### Task goal:
Once the line containing "#63=IFCINDEXEDPOLYGONALFACE((2,38,41,5));" is found in the records below, return it and each following line exactly, up to and including the line containing "#77=IFCINDEXEDPOLYGONALFACE((15,51,53,17));", and nothing else.

### Data provided:

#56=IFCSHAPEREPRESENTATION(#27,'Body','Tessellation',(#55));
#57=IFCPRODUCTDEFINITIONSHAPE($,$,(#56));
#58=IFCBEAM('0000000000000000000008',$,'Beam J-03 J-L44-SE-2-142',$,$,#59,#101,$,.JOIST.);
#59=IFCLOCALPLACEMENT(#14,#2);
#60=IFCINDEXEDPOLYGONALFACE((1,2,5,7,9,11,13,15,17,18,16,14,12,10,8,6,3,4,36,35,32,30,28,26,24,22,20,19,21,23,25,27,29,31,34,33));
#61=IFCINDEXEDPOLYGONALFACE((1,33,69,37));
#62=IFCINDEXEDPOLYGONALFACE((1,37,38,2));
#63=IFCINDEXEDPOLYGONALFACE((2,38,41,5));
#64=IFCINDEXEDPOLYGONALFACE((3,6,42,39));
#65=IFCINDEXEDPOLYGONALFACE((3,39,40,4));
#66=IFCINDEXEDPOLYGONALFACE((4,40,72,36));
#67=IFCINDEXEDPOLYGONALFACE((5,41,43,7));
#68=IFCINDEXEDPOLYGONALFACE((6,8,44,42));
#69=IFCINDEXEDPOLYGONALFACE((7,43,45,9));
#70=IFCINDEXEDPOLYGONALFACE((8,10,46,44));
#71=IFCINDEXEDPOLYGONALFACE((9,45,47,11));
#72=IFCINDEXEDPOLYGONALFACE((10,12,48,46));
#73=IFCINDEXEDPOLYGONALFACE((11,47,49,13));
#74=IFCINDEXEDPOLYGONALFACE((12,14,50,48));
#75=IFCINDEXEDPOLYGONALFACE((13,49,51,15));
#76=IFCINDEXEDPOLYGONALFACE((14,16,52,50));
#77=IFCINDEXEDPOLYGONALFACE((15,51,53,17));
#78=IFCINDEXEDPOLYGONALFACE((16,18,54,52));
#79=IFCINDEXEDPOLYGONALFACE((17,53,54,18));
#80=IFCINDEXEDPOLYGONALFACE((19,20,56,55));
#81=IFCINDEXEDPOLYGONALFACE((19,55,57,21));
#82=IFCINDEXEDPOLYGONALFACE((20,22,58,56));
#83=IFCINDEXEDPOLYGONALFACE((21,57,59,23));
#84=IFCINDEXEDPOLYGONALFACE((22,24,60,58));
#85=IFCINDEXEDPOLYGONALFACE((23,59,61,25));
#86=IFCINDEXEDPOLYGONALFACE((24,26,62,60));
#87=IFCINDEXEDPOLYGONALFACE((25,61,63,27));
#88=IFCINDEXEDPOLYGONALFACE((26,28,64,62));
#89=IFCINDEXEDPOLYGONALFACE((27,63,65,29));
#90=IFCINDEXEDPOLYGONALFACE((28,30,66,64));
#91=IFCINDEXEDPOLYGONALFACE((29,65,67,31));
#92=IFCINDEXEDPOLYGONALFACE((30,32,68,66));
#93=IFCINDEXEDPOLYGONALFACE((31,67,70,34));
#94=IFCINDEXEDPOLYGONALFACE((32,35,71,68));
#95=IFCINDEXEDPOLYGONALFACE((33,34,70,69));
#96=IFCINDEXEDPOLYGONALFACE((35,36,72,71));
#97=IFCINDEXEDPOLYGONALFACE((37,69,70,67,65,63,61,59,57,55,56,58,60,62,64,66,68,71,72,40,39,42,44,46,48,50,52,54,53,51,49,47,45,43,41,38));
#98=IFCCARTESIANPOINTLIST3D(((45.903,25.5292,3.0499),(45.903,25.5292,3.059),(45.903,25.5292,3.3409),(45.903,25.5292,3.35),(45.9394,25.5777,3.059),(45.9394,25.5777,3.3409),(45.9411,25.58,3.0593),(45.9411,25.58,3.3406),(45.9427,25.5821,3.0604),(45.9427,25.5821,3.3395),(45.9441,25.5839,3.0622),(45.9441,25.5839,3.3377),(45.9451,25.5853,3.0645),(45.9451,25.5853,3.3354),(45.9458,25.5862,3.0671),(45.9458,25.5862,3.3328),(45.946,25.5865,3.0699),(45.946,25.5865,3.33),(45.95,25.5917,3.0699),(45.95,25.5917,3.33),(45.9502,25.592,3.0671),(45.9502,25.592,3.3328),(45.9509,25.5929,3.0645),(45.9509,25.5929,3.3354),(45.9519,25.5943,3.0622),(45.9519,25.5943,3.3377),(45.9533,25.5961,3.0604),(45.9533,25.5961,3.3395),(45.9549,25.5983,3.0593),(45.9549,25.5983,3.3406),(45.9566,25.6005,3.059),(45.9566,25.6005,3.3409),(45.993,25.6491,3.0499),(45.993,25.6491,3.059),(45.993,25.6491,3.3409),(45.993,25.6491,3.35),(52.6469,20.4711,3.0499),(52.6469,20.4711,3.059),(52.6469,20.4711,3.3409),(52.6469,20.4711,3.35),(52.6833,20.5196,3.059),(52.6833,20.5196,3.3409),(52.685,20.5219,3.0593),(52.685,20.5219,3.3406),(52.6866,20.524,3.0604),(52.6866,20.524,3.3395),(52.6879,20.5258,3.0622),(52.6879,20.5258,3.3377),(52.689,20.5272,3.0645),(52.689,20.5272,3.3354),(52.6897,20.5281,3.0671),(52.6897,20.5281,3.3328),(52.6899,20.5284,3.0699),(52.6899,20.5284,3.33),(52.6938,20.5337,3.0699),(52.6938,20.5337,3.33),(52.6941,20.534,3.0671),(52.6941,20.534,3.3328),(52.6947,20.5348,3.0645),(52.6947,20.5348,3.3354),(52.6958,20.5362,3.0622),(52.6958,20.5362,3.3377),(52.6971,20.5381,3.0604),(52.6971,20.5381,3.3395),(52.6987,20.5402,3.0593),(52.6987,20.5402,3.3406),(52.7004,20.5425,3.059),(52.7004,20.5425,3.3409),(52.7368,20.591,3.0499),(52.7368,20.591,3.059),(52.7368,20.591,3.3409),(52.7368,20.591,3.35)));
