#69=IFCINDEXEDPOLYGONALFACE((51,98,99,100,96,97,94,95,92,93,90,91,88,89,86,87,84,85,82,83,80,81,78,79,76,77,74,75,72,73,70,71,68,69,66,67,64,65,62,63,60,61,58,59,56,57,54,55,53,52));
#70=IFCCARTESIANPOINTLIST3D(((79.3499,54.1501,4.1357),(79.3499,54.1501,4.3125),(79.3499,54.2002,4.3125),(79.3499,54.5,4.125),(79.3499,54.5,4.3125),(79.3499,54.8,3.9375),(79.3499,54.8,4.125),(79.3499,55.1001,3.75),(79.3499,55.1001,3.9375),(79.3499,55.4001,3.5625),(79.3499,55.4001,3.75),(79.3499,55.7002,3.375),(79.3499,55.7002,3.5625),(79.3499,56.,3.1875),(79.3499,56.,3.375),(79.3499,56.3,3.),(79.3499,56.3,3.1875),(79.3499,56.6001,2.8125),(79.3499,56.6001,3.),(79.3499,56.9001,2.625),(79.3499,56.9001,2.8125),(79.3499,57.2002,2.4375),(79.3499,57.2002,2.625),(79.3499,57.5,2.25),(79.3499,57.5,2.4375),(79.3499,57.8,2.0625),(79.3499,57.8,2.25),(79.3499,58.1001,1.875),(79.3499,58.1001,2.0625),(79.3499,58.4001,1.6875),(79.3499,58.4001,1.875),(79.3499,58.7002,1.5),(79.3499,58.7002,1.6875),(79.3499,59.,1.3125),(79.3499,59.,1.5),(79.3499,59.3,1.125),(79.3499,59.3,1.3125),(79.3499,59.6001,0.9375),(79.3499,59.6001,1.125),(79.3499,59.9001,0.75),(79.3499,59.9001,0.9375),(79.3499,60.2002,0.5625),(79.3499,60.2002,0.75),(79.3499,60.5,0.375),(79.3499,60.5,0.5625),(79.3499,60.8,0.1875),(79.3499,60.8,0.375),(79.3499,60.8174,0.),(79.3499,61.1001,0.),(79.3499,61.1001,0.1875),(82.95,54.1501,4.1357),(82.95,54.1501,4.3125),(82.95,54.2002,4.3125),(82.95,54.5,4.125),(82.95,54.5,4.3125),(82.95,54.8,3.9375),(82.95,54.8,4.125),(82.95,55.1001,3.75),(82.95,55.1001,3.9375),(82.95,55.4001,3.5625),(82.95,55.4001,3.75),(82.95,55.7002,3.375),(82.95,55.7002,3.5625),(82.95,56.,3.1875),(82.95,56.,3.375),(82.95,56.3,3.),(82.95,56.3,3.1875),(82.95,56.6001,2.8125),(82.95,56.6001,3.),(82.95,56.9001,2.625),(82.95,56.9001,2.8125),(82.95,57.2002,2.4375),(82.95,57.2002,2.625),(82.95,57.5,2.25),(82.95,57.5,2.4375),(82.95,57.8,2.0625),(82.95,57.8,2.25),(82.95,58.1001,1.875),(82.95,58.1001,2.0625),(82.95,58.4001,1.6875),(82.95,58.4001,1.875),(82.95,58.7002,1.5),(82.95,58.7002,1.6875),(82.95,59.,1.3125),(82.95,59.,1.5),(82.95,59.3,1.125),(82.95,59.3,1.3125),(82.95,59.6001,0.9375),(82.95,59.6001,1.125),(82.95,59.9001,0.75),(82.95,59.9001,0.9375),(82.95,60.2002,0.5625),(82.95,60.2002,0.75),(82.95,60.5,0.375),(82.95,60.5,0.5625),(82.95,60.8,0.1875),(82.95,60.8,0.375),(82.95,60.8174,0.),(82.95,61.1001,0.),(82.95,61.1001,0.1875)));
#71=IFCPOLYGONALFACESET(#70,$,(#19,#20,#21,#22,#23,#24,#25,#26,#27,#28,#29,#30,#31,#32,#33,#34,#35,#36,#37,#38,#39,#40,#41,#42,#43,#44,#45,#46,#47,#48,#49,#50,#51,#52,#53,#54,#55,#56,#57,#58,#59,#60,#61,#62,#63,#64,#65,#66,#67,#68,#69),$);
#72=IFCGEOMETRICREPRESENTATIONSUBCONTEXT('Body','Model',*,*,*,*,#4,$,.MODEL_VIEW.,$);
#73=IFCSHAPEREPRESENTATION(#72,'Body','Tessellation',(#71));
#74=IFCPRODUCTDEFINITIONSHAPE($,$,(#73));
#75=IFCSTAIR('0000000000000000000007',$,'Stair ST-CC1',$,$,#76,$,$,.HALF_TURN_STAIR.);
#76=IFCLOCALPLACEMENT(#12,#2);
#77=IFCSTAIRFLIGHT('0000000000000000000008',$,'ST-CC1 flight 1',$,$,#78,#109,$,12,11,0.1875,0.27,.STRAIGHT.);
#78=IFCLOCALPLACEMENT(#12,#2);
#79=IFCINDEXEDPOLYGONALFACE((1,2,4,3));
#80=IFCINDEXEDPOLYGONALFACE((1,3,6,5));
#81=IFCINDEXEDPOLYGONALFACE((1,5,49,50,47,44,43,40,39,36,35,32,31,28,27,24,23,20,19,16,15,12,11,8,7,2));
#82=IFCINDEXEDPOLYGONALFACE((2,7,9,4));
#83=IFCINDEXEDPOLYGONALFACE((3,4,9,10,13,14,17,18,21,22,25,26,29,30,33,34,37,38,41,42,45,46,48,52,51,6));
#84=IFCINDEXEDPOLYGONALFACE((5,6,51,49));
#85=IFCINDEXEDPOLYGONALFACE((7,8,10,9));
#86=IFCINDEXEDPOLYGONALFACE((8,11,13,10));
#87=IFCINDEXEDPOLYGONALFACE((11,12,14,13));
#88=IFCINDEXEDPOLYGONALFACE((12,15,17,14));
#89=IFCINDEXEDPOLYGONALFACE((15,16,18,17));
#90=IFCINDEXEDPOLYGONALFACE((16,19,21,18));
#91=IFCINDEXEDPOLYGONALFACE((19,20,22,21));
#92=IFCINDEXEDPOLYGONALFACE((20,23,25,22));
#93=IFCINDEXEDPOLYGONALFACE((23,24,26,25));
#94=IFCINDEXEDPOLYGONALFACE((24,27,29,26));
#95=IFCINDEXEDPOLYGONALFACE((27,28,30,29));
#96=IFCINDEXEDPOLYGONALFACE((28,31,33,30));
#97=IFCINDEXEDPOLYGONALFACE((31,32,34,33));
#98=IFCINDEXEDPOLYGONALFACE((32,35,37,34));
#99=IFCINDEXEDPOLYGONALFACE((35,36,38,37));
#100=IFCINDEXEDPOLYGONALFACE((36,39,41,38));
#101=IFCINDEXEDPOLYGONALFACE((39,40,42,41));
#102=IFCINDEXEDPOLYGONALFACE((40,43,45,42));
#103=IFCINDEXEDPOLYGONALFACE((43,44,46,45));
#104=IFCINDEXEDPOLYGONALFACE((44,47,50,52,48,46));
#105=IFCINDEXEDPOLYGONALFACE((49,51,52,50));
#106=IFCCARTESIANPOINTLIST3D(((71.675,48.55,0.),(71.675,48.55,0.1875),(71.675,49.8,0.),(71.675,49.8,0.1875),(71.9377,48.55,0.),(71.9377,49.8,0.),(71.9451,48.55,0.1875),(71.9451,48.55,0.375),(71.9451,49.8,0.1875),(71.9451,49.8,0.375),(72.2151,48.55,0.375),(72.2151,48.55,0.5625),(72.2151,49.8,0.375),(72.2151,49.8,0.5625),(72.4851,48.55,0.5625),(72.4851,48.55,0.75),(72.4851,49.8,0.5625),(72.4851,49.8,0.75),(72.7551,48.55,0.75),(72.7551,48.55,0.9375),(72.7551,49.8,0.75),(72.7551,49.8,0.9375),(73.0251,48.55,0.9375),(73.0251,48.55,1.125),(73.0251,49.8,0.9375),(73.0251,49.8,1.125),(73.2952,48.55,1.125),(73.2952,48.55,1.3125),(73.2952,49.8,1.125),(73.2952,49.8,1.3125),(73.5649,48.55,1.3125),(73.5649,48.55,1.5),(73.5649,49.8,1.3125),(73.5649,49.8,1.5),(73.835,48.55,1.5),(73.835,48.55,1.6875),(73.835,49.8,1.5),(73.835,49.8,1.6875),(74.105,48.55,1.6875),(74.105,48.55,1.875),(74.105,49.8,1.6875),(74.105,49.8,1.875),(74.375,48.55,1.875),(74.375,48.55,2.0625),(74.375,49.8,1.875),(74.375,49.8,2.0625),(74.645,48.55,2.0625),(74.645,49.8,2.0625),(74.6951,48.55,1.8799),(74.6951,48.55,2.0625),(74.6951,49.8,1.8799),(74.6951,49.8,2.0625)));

### Output below:
#63=IFCINDEXEDPOLYGONALFACE((2,38,41,5));
#64=IFCINDEXEDPOLYGONALFACE((3,6,42,39));
#65=IFCINDEXEDPOLYGONALFACE((3,39,40,4));
#66=IFCINDEXEDPOLYGONALFACE((4,40,72,36));
#67=IFCINDEXEDPOLYGONALFACE((5,41,43,7));
#68=IFCINDEXEDPOLYGONALFACE((6,8,44,42));
#69=IFCINDEXEDPOLYGONALFACE((7,43,45,9));
#70=IFCINDEXEDPOLYGONALFACE((8,10,46,44));
#71=IFCINDEXEDPOLYGONALFACE((9,45,47,11));
#72=IFCINDEXEDPOLYGONALFACE((10,12,48,46));
#73=IFCINDEXEDPOLYGONALFACE((11,47,49,13));
#74=IFCINDEXEDPOLYGONALFACE((12,14,50,48));
#75=IFCINDEXEDPOLYGONALFACE((13,49,51,15));
#76=IFCINDEXEDPOLYGONALFACE((14,16,52,50));
#77=IFCINDEXEDPOLYGONALFACE((15,51,53,17));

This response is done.